### TO DO
Every entry in the data below needs to be repeated exactly.

### EXTRACTED DATA
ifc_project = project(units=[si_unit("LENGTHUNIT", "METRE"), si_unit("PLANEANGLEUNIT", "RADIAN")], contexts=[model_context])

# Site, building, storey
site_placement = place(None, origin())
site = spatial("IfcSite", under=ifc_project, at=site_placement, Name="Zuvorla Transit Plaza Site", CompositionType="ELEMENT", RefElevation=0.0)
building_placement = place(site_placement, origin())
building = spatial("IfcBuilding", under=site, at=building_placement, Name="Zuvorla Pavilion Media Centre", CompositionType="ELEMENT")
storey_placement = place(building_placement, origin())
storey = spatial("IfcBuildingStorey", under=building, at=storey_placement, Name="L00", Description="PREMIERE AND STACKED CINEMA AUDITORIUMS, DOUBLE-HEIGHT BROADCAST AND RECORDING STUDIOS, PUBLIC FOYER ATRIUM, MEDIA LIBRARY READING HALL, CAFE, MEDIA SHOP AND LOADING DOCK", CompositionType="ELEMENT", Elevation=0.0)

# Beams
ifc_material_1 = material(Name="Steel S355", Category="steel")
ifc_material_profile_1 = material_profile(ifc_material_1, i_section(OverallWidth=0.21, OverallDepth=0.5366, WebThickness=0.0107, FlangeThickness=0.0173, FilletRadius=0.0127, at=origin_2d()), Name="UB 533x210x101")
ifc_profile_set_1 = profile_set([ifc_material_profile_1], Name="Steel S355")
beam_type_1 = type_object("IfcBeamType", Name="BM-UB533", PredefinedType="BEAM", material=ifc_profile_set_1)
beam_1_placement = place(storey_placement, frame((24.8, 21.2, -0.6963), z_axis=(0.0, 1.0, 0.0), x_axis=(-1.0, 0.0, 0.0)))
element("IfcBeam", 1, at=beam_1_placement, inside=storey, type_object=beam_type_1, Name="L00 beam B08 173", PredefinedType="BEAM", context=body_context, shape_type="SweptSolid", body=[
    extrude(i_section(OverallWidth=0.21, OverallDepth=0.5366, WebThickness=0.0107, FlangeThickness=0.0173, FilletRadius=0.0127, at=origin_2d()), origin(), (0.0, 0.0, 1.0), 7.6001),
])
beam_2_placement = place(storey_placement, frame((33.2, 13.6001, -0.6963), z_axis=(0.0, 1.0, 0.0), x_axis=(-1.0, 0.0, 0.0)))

### EXERCISE OUTPUT
ifc_project = project(units=[si_unit("LENGTHUNIT", "METRE"), si_unit("PLANEANGLEUNIT", "RADIAN")], contexts=[model_context])

# Site, building, storey
site_placement = place(None, origin())
site = spatial("IfcSite", under=ifc_project, at=site_placement, Name="Zuvorla Transit Plaza Site", CompositionType="ELEMENT", RefElevation=0.0)
building_placement = place(site_placement, origin())
building = spatial("IfcBuilding", under=site, at=building_placement, Name="Zuvorla Pavilion Media Centre", CompositionType="ELEMENT")
storey_placement = place(building_placement, origin())
storey = spatial("IfcBuildingStorey", under=building, at=storey_placement, Name="L00", Description="PREMIERE AND STACKED CINEMA AUDITORIUMS, DOUBLE-HEIGHT BROADCAST AND RECORDING STUDIOS, PUBLIC FOYER ATRIUM, MEDIA LIBRARY READING HALL, CAFE, MEDIA SHOP AND LOADING DOCK", CompositionType="ELEMENT", Elevation=0.0)

# Beams
ifc_material_1 = material(Name="Steel S355", Category="steel")
ifc_material_profile_1 = material_profile(ifc_material_1, i_section(OverallWidth=0.21, OverallDepth=0.5366, WebThickness=0.0107, FlangeThickness=0.0173, FilletRadius=0.0127, at=origin_2d()), Name="UB 533x210x101")
ifc_profile_set_1 = profile_set([ifc_material_profile_1], Name="Steel S355")
beam_type_1 = type_object("IfcBeamType", Name="BM-UB533", PredefinedType="BEAM", material=ifc_profile_set_1)
beam_1_placement = place(storey_placement, frame((24.8, 21.2, -0.6963), z_axis=(0.0, 1.0, 0.0), x_axis=(-1.0, 0.0, 0.0)))
element("IfcBeam", 1, at=beam_1_placement, inside=storey, type_object=beam_type_1, Name="L00 beam B08 173", PredefinedType="BEAM", context=body_context, shape_type="SweptSolid", body=[
    extrude(i_section(OverallWidth=0.21, OverallDepth=0.5366, WebThickness=0.0107, FlangeThickness=0.0173, FilletRadius=0.0127, at=origin_2d()), origin(), (0.0, 0.0, 1.0), 7.6001),
])
beam_2_placement = place(storey_placement, frame((33.2, 13.6001, -0.6963), z_axis=(0.0, 1.0, 0.0), x_axis=(-1.0, 0.0, 0.0)))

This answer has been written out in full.